-- Task directions --
Count the lines of the records below that hold the word "Brelvane", and give only the number.

▬▬▬▬▬▬▬▬▬▬

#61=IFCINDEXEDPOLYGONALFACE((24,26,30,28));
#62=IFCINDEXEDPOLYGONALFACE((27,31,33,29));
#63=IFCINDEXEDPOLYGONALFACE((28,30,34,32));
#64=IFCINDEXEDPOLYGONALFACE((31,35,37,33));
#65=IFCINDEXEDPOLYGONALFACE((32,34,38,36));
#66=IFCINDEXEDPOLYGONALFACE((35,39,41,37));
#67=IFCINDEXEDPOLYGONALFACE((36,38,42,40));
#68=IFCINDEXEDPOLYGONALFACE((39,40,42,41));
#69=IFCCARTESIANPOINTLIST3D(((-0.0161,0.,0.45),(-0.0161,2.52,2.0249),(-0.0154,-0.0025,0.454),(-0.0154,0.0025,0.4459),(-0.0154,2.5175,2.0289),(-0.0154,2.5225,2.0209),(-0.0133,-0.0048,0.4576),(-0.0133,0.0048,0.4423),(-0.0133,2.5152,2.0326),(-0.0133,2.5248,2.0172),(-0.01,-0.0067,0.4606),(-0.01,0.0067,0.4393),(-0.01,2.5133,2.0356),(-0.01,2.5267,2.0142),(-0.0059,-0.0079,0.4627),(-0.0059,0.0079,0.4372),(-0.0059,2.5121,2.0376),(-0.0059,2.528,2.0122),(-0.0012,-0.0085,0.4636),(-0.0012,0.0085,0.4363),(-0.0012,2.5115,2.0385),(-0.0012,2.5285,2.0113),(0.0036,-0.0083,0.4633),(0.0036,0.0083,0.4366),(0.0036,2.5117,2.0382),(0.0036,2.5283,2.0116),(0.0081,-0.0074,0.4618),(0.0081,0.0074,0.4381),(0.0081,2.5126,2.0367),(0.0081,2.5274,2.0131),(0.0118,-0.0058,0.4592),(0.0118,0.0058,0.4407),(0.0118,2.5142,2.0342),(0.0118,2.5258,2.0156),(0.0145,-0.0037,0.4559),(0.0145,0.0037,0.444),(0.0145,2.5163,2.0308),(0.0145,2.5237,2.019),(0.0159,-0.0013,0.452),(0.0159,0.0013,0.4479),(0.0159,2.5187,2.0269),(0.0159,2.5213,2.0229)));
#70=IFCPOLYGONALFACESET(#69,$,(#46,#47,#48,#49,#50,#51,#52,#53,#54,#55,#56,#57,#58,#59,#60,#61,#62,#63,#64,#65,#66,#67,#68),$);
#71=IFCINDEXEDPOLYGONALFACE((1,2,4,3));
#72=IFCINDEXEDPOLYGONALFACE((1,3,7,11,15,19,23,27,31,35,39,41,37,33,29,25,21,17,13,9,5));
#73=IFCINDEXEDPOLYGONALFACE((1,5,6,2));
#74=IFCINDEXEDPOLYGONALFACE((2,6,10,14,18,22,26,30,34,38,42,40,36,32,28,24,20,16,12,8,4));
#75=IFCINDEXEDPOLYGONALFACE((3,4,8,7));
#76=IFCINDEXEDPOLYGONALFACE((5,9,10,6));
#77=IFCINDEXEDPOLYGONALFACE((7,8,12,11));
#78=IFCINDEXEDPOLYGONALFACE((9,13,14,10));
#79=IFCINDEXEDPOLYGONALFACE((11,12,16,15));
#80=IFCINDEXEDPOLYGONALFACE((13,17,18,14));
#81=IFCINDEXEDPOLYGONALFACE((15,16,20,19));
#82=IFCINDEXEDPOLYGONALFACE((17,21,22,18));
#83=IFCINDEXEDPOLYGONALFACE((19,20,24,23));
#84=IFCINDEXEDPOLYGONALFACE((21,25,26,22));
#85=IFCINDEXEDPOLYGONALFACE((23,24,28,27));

▬▬▬▬▬▬▬▬▬▬

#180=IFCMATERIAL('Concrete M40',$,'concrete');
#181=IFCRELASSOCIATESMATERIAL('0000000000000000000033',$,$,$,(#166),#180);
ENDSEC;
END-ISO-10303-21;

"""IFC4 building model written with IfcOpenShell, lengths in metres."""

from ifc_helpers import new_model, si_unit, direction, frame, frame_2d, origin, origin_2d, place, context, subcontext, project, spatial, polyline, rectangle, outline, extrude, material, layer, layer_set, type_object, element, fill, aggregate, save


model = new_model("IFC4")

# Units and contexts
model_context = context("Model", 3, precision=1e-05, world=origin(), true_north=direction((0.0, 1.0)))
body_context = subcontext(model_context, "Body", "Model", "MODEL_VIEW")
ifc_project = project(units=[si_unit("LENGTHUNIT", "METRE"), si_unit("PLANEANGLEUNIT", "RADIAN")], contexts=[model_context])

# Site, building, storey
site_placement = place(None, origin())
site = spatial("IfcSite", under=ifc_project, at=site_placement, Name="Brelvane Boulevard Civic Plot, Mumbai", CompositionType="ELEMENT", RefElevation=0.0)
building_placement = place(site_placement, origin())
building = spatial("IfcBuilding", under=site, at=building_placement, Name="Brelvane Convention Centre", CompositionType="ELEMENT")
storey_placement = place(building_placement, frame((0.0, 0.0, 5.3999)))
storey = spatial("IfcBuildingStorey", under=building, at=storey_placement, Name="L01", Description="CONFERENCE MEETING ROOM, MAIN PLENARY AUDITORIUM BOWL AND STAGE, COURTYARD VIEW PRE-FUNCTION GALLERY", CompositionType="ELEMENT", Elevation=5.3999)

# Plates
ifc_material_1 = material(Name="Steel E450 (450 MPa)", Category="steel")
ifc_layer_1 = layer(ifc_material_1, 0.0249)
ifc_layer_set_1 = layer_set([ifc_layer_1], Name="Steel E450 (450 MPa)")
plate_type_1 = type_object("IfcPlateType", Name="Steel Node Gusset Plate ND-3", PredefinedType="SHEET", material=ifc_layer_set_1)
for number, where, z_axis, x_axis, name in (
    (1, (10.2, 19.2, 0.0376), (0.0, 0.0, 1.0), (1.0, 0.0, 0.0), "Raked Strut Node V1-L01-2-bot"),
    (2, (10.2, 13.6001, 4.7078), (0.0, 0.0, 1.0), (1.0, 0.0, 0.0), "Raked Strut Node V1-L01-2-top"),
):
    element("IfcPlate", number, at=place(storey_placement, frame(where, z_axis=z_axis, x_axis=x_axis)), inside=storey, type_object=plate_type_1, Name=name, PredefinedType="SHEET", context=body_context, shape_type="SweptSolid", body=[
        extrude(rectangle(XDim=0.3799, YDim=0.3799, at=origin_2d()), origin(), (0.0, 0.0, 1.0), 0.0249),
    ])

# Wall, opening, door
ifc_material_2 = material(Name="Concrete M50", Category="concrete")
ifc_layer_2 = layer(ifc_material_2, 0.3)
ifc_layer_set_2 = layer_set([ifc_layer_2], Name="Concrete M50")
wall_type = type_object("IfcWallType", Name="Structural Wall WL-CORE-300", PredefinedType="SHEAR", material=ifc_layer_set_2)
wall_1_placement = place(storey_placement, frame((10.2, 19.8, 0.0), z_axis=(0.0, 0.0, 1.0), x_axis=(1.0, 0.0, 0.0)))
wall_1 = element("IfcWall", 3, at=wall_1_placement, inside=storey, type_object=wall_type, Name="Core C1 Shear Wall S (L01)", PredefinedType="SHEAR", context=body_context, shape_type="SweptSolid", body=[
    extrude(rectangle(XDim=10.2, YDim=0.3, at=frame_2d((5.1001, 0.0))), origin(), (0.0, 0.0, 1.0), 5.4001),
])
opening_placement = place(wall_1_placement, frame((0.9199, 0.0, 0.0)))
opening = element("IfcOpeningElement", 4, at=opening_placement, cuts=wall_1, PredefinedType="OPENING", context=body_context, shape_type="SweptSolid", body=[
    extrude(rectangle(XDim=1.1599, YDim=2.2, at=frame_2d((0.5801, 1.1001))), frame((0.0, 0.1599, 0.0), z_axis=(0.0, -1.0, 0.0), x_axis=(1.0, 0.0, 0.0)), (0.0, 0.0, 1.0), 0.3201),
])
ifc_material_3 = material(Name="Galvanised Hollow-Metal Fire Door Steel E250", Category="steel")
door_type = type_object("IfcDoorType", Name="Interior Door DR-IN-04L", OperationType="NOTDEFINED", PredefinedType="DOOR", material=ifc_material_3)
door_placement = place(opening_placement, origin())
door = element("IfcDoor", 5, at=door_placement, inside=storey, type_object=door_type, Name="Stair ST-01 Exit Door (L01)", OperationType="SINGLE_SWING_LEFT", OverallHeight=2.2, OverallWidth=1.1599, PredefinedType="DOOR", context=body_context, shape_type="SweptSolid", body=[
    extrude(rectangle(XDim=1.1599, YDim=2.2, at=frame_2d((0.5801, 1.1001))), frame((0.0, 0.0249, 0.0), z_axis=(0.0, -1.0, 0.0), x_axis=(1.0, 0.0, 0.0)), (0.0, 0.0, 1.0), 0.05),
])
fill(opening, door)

▬▬▬▬▬▬▬▬▬▬

-- Exercise solution --
2